RECORDS SHOWN:
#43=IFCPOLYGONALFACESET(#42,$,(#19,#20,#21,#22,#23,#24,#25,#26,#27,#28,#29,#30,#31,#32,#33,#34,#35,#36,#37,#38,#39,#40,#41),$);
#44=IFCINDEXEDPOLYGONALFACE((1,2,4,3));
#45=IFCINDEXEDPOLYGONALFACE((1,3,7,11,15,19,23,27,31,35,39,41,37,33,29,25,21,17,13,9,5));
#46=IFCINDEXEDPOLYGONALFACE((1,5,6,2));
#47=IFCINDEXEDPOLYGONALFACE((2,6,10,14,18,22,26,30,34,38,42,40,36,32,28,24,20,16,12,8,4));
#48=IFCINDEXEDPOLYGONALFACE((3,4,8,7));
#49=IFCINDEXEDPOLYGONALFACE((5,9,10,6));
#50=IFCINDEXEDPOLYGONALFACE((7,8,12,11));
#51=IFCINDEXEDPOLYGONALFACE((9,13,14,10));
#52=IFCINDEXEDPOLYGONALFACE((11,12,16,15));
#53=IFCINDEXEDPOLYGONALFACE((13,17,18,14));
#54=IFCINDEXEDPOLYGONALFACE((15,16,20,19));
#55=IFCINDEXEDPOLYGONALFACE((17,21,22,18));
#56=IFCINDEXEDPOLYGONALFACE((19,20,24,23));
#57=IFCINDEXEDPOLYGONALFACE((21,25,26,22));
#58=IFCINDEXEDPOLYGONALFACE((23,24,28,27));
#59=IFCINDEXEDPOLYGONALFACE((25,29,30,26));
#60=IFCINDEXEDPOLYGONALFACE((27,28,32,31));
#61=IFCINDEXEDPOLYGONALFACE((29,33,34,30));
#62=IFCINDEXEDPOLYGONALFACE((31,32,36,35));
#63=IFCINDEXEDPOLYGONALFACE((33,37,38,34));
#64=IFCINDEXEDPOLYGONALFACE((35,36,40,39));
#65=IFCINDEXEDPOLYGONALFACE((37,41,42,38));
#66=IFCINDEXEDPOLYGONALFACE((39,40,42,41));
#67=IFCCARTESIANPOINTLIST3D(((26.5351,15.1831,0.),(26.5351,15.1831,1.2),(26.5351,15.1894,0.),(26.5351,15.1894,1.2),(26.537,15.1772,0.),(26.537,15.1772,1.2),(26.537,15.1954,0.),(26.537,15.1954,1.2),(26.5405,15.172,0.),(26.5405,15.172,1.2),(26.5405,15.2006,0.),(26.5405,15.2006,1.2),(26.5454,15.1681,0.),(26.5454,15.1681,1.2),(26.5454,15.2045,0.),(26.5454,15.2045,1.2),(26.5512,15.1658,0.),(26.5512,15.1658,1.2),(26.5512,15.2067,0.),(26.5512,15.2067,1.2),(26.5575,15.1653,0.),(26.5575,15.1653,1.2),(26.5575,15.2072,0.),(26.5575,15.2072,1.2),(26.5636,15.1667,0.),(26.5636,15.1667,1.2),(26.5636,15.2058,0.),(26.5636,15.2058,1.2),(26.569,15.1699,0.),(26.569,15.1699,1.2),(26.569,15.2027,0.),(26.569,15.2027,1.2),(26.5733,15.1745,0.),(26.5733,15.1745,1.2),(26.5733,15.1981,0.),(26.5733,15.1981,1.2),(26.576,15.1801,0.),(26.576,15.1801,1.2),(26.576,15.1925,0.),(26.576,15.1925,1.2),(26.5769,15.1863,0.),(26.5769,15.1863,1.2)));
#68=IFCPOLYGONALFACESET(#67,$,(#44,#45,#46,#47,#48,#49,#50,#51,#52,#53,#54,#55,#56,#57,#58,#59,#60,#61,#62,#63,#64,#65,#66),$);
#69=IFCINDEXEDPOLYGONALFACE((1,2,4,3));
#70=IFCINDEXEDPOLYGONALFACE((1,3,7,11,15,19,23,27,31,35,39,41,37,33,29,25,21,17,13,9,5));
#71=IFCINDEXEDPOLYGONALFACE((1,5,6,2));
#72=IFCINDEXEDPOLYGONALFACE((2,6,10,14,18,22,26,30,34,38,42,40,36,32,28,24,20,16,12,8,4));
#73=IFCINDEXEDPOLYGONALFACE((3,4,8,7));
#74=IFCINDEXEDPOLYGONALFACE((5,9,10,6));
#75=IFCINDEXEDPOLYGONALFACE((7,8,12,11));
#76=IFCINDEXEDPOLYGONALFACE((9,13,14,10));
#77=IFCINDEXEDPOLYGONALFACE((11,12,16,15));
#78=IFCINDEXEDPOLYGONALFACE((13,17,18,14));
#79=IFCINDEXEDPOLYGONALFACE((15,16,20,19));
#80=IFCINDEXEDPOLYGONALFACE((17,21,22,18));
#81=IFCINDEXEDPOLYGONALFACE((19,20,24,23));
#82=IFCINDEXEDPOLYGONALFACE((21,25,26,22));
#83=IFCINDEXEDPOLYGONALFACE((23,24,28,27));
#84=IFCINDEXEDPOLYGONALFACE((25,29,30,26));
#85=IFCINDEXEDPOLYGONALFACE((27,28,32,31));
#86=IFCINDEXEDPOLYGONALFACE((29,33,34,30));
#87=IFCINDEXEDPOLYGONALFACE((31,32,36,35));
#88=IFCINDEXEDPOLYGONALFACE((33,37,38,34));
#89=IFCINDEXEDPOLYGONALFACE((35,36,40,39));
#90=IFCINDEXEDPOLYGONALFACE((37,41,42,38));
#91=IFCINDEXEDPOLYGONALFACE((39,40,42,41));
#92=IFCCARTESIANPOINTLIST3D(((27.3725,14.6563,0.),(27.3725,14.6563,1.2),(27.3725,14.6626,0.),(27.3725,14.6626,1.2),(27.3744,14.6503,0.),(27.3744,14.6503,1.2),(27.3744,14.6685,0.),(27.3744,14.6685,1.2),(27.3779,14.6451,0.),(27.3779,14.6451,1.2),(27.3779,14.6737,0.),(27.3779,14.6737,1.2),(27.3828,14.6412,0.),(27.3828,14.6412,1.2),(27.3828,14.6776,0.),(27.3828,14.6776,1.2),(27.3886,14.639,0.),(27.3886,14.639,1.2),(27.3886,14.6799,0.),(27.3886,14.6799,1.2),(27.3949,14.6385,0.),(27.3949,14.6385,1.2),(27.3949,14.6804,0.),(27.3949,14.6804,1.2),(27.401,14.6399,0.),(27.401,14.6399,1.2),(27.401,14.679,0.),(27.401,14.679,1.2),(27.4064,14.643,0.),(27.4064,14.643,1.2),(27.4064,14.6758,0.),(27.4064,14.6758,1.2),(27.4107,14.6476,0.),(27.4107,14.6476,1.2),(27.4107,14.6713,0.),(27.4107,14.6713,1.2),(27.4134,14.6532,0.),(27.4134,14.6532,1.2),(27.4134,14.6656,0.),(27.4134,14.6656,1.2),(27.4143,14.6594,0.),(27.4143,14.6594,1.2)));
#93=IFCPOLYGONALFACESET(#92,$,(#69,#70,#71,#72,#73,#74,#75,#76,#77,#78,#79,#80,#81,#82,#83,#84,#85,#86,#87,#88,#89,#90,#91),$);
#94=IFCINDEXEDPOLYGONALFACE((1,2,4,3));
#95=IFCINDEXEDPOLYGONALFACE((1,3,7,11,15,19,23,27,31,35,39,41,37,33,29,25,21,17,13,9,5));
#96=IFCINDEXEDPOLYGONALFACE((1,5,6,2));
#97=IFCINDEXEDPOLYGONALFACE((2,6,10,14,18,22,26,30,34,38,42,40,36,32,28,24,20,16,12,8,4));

DIRECTIONS FOR THIS TASK: Could you print every record above exactly as it appears?

RESULT OF THE TASK:
#43=IFCPOLYGONALFACESET(#42,$,(#19,#20,#21,#22,#23,#24,#25,#26,#27,#28,#29,#30,#31,#32,#33,#34,#35,#36,#37,#38,#39,#40,#41),$);
#44=IFCINDEXEDPOLYGONALFACE((1,2,4,3));
#45=IFCINDEXEDPOLYGONALFACE((1,3,7,11,15,19,23,27,31,35,39,41,37,33,29,25,21,17,13,9,5));
#46=IFCINDEXEDPOLYGONALFACE((1,5,6,2));
#47=IFCINDEXEDPOLYGONALFACE((2,6,10,14,18,22,26,30,34,38,42,40,36,32,28,24,20,16,12,8,4));
#48=IFCINDEXEDPOLYGONALFACE((3,4,8,7));
#49=IFCINDEXEDPOLYGONALFACE((5,9,10,6));
#50=IFCINDEXEDPOLYGONALFACE((7,8,12,11));
#51=IFCINDEXEDPOLYGONALFACE((9,13,14,10));
#52=IFCINDEXEDPOLYGONALFACE((11,12,16,15));
#53=IFCINDEXEDPOLYGONALFACE((13,17,18,14));
#54=IFCINDEXEDPOLYGONALFACE((15,16,20,19));
#55=IFCINDEXEDPOLYGONALFACE((17,21,22,18));
#56=IFCINDEXEDPOLYGONALFACE((19,20,24,23));
#57=IFCINDEXEDPOLYGONALFACE((21,25,26,22));
#58=IFCINDEXEDPOLYGONALFACE((23,24,28,27));
#59=IFCINDEXEDPOLYGONALFACE((25,29,30,26));
#60=IFCINDEXEDPOLYGONALFACE((27,28,32,31));
#61=IFCINDEXEDPOLYGONALFACE((29,33,34,30));
#62=IFCINDEXEDPOLYGONALFACE((31,32,36,35));
#63=IFCINDEXEDPOLYGONALFACE((33,37,38,34));
#64=IFCINDEXEDPOLYGONALFACE((35,36,40,39));
#65=IFCINDEXEDPOLYGONALFACE((37,41,42,38));
#66=IFCINDEXEDPOLYGONALFACE((39,40,42,41));
#67=IFCCARTESIANPOINTLIST3D(((26.5351,15.1831,0.),(26.5351,15.1831,1.2),(26.5351,15.1894,0.),(26.5351,15.1894,1.2),(26.537,15.1772,0.),(26.537,15.1772,1.2),(26.537,15.1954,0.),(26.537,15.1954,1.2),(26.5405,15.172,0.),(26.5405,15.172,1.2),(26.5405,15.2006,0.),(26.5405,15.2006,1.2),(26.5454,15.1681,0.),(26.5454,15.1681,1.2),(26.5454,15.2045,0.),(26.5454,15.2045,1.2),(26.5512,15.1658,0.),(26.5512,15.1658,1.2),(26.5512,15.2067,0.),(26.5512,15.2067,1.2),(26.5575,15.1653,0.),(26.5575,15.1653,1.2),(26.5575,15.2072,0.),(26.5575,15.2072,1.2),(26.5636,15.1667,0.),(26.5636,15.1667,1.2),(26.5636,15.2058,0.),(26.5636,15.2058,1.2),(26.569,15.1699,0.),(26.569,15.1699,1.2),(26.569,15.2027,0.),(26.569,15.2027,1.2),(26.5733,15.1745,0.),(26.5733,15.1745,1.2),(26.5733,15.1981,0.),(26.5733,15.1981,1.2),(26.576,15.1801,0.),(26.576,15.1801,1.2),(26.576,15.1925,0.),(26.576,15.1925,1.2),(26.5769,15.1863,0.),(26.5769,15.1863,1.2)));
#68=IFCPOLYGONALFACESET(#67,$,(#44,#45,#46,#47,#48,#49,#50,#51,#52,#53,#54,#55,#56,#57,#58,#59,#60,#61,#62,#63,#64,#65,#66),$);
#69=IFCINDEXEDPOLYGONALFACE((1,2,4,3));
#70=IFCINDEXEDPOLYGONALFACE((1,3,7,11,15,19,23,27,31,35,39,41,37,33,29,25,21,17,13,9,5));
#71=IFCINDEXEDPOLYGONALFACE((1,5,6,2));
#72=IFCINDEXEDPOLYGONALFACE((2,6,10,14,18,22,26,30,34,38,42,40,36,32,28,24,20,16,12,8,4));
#73=IFCINDEXEDPOLYGONALFACE((3,4,8,7));
#74=IFCINDEXEDPOLYGONALFACE((5,9,10,6));
#75=IFCINDEXEDPOLYGONALFACE((7,8,12,11));
#76=IFCINDEXEDPOLYGONALFACE((9,13,14,10));
#77=IFCINDEXEDPOLYGONALFACE((11,12,16,15));
#78=IFCINDEXEDPOLYGONALFACE((13,17,18,14));
#79=IFCINDEXEDPOLYGONALFACE((15,16,20,19));
#80=IFCINDEXEDPOLYGONALFACE((17,21,22,18));
#81=IFCINDEXEDPOLYGONALFACE((19,20,24,23));
#82=IFCINDEXEDPOLYGONALFACE((21,25,26,22));
#83=IFCINDEXEDPOLYGONALFACE((23,24,28,27));
#84=IFCINDEXEDPOLYGONALFACE((25,29,30,26));
#85=IFCINDEXEDPOLYGONALFACE((27,28,32,31));
#86=IFCINDEXEDPOLYGONALFACE((29,33,34,30));
#87=IFCINDEXEDPOLYGONALFACE((31,32,36,35));
#88=IFCINDEXEDPOLYGONALFACE((33,37,38,34));
#89=IFCINDEXEDPOLYGONALFACE((35,36,40,39));
#90=IFCINDEXEDPOLYGONALFACE((37,41,42,38));
#91=IFCINDEXEDPOLYGONALFACE((39,40,42,41));
#92=IFCCARTESIANPOINTLIST3D(((27.3725,14.6563,0.),(27.3725,14.6563,1.2),(27.3725,14.6626,0.),(27.3725,14.6626,1.2),(27.3744,14.6503,0.),(27.3744,14.6503,1.2),(27.3744,14.6685,0.),(27.3744,14.6685,1.2),(27.3779,14.6451,0.),(27.3779,14.6451,1.2),(27.3779,14.6737,0.),(27.3779,14.6737,1.2),(27.3828,14.6412,0.),(27.3828,14.6412,1.2),(27.3828,14.6776,0.),(27.3828,14.6776,1.2),(27.3886,14.639,0.),(27.3886,14.639,1.2),(27.3886,14.6799,0.),(27.3886,14.6799,1.2),(27.3949,14.6385,0.),(27.3949,14.6385,1.2),(27.3949,14.6804,0.),(27.3949,14.6804,1.2),(27.401,14.6399,0.),(27.401,14.6399,1.2),(27.401,14.679,0.),(27.401,14.679,1.2),(27.4064,14.643,0.),(27.4064,14.643,1.2),(27.4064,14.6758,0.),(27.4064,14.6758,1.2),(27.4107,14.6476,0.),(27.4107,14.6476,1.2),(27.4107,14.6713,0.),(27.4107,14.6713,1.2),(27.4134,14.6532,0.),(27.4134,14.6532,1.2),(27.4134,14.6656,0.),(27.4134,14.6656,1.2),(27.4143,14.6594,0.),(27.4143,14.6594,1.2)));
#93=IFCPOLYGONALFACESET(#92,$,(#69,#70,#71,#72,#73,#74,#75,#76,#77,#78,#79,#80,#81,#82,#83,#84,#85,#86,#87,#88,#89,#90,#91),$);
#94=IFCINDEXEDPOLYGONALFACE((1,2,4,3));
#95=IFCINDEXEDPOLYGONALFACE((1,3,7,11,15,19,23,27,31,35,39,41,37,33,29,25,21,17,13,9,5));
#96=IFCINDEXEDPOLYGONALFACE((1,5,6,2));
#97=IFCINDEXEDPOLYGONALFACE((2,6,10,14,18,22,26,30,34,38,42,40,36,32,28,24,20,16,12,8,4));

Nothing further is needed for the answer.